WHAT IS BEING ASKED. Go through the records below and copy out every line holding "IFCPOLYGONALFACESET".

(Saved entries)
=-=-=

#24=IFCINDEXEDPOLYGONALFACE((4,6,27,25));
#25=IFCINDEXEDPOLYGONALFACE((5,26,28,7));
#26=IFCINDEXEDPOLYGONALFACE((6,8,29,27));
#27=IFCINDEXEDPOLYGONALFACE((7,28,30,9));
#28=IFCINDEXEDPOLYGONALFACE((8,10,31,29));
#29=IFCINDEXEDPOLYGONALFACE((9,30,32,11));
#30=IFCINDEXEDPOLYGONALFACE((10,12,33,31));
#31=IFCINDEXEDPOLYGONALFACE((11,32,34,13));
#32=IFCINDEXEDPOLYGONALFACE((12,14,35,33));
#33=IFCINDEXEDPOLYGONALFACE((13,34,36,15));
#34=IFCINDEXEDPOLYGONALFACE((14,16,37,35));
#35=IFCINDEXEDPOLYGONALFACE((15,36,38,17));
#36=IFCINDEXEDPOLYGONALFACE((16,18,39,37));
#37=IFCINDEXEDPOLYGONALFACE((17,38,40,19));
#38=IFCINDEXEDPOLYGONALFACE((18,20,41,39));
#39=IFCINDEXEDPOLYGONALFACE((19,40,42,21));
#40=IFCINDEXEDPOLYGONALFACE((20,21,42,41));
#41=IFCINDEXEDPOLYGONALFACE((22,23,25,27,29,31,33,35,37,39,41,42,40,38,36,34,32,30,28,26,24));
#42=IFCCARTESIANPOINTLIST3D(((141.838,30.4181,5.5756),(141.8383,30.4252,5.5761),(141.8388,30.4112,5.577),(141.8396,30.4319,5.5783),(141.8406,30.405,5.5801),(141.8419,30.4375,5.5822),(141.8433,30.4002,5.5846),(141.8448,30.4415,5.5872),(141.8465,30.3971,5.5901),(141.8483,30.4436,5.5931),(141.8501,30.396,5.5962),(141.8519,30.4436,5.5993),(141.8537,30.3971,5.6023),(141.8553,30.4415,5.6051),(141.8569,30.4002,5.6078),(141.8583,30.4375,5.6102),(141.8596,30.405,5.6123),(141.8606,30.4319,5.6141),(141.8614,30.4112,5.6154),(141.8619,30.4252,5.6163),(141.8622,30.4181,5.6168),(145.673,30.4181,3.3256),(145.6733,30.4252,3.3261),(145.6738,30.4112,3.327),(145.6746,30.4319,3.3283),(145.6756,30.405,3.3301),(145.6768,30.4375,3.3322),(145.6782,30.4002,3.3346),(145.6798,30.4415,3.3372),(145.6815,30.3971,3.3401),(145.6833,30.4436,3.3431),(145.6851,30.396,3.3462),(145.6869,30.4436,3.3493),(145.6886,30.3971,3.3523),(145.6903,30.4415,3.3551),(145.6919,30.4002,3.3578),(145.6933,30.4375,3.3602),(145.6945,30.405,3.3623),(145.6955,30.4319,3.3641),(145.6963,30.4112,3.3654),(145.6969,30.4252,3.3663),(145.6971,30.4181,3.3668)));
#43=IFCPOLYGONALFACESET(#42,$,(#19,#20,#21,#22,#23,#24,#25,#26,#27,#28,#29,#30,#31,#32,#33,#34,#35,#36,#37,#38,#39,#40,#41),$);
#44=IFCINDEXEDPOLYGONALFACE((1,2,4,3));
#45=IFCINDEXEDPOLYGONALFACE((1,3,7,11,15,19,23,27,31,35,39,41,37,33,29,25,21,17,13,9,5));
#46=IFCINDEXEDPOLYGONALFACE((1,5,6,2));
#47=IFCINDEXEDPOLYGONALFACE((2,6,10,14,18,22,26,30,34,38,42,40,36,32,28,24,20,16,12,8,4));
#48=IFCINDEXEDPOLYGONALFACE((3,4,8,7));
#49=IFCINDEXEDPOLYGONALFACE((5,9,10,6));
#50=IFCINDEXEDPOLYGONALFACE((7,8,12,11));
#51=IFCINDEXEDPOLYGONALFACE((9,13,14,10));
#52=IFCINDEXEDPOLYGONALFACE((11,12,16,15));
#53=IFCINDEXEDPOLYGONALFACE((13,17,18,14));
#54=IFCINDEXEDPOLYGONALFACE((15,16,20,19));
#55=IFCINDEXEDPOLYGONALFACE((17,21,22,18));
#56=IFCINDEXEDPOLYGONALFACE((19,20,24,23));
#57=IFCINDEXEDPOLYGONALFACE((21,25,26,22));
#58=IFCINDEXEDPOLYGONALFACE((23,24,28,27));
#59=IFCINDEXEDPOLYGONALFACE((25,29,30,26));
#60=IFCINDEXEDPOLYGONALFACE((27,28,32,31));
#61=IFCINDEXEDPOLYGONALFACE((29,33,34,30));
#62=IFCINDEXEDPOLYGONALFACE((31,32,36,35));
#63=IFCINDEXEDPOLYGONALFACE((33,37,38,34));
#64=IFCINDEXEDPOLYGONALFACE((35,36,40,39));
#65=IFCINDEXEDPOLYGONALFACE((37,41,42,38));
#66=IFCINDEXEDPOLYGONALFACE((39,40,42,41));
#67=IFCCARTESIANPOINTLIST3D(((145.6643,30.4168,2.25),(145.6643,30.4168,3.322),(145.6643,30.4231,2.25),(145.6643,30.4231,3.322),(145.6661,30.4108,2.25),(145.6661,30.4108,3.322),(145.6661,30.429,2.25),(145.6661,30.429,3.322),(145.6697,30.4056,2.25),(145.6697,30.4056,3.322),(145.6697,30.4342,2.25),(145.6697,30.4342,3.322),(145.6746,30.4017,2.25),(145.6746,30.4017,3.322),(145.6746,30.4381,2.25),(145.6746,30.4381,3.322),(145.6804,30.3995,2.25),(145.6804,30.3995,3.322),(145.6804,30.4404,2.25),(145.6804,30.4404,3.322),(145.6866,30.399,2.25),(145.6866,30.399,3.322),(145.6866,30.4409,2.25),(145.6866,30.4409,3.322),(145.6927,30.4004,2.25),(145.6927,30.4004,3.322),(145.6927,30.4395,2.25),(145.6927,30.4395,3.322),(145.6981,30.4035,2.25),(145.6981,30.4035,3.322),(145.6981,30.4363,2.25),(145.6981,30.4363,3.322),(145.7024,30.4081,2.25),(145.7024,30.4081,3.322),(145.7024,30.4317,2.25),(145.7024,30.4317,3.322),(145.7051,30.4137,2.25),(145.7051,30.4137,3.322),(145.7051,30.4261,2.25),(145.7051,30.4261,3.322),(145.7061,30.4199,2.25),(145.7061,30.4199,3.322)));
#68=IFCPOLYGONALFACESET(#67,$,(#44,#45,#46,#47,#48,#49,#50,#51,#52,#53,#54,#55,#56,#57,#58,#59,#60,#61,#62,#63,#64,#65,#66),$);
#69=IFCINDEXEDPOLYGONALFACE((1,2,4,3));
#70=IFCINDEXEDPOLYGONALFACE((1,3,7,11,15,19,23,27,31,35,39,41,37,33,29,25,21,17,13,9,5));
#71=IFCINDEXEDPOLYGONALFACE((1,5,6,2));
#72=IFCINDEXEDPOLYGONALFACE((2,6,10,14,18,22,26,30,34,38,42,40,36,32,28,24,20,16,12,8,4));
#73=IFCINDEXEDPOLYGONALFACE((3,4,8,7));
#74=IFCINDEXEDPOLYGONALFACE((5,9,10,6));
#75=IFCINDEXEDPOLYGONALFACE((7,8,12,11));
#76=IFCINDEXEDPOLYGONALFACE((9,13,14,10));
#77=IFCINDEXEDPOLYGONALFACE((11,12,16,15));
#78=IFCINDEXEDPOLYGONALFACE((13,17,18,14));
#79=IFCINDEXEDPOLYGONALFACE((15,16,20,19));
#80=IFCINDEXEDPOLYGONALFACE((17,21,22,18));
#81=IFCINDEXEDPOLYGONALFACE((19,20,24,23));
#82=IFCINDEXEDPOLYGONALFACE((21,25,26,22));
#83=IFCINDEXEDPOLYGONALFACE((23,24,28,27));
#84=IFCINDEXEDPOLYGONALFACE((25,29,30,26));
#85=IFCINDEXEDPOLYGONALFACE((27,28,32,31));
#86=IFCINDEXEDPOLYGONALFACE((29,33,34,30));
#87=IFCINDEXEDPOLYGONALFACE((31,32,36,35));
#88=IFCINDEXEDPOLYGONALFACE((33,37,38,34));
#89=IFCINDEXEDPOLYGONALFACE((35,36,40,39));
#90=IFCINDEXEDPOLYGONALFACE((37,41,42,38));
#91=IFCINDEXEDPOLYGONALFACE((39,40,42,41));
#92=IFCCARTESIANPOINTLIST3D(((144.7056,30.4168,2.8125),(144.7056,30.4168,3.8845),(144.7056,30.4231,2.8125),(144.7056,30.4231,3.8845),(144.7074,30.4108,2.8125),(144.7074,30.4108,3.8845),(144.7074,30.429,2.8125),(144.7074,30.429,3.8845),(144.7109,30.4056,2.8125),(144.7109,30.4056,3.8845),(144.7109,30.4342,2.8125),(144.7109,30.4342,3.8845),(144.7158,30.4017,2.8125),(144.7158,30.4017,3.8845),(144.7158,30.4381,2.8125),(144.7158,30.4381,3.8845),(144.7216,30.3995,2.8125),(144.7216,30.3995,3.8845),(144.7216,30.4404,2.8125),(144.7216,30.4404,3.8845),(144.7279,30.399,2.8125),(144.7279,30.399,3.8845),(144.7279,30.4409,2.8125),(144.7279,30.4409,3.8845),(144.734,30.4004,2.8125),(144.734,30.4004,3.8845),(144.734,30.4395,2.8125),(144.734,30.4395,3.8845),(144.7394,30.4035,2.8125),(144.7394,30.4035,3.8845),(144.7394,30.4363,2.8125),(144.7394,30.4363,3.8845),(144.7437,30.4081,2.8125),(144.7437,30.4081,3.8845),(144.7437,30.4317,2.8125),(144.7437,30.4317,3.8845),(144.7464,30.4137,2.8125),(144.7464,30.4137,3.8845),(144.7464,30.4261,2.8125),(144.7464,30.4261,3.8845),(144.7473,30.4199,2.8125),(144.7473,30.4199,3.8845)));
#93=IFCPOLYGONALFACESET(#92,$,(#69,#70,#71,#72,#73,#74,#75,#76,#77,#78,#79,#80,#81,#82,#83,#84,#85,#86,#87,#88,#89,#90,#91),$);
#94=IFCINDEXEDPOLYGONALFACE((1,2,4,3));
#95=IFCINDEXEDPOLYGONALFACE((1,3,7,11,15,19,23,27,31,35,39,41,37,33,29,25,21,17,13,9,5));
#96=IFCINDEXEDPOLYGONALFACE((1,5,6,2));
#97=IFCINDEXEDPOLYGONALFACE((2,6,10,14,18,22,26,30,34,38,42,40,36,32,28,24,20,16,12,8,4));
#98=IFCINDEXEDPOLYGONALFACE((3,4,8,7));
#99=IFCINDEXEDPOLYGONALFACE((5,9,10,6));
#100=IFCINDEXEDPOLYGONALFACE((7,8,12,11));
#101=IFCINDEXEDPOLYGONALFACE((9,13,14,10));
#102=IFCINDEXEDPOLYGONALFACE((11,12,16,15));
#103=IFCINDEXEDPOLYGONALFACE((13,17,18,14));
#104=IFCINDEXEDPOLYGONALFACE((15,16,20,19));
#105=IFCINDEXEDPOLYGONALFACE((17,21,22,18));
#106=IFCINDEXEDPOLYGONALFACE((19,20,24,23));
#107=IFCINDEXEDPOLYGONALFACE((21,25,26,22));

=-=-=

RESULT OF THIS TASK.
#43=IFCPOLYGONALFACESET(#42,$,(#19,#20,#21,#22,#23,#24,#25,#26,#27,#28,#29,#30,#31,#32,#33,#34,#35,#36,#37,#38,#39,#40,#41),$);
#68=IFCPOLYGONALFACESET(#67,$,(#44,#45,#46,#47,#48,#49,#50,#51,#52,#53,#54,#55,#56,#57,#58,#59,#60,#61,#62,#63,#64,#65,#66),$);
#93=IFCPOLYGONALFACESET(#92,$,(#69,#70,#71,#72,#73,#74,#75,#76,#77,#78,#79,#80,#81,#82,#83,#84,#85,#86,#87,#88,#89,#90,#91),$);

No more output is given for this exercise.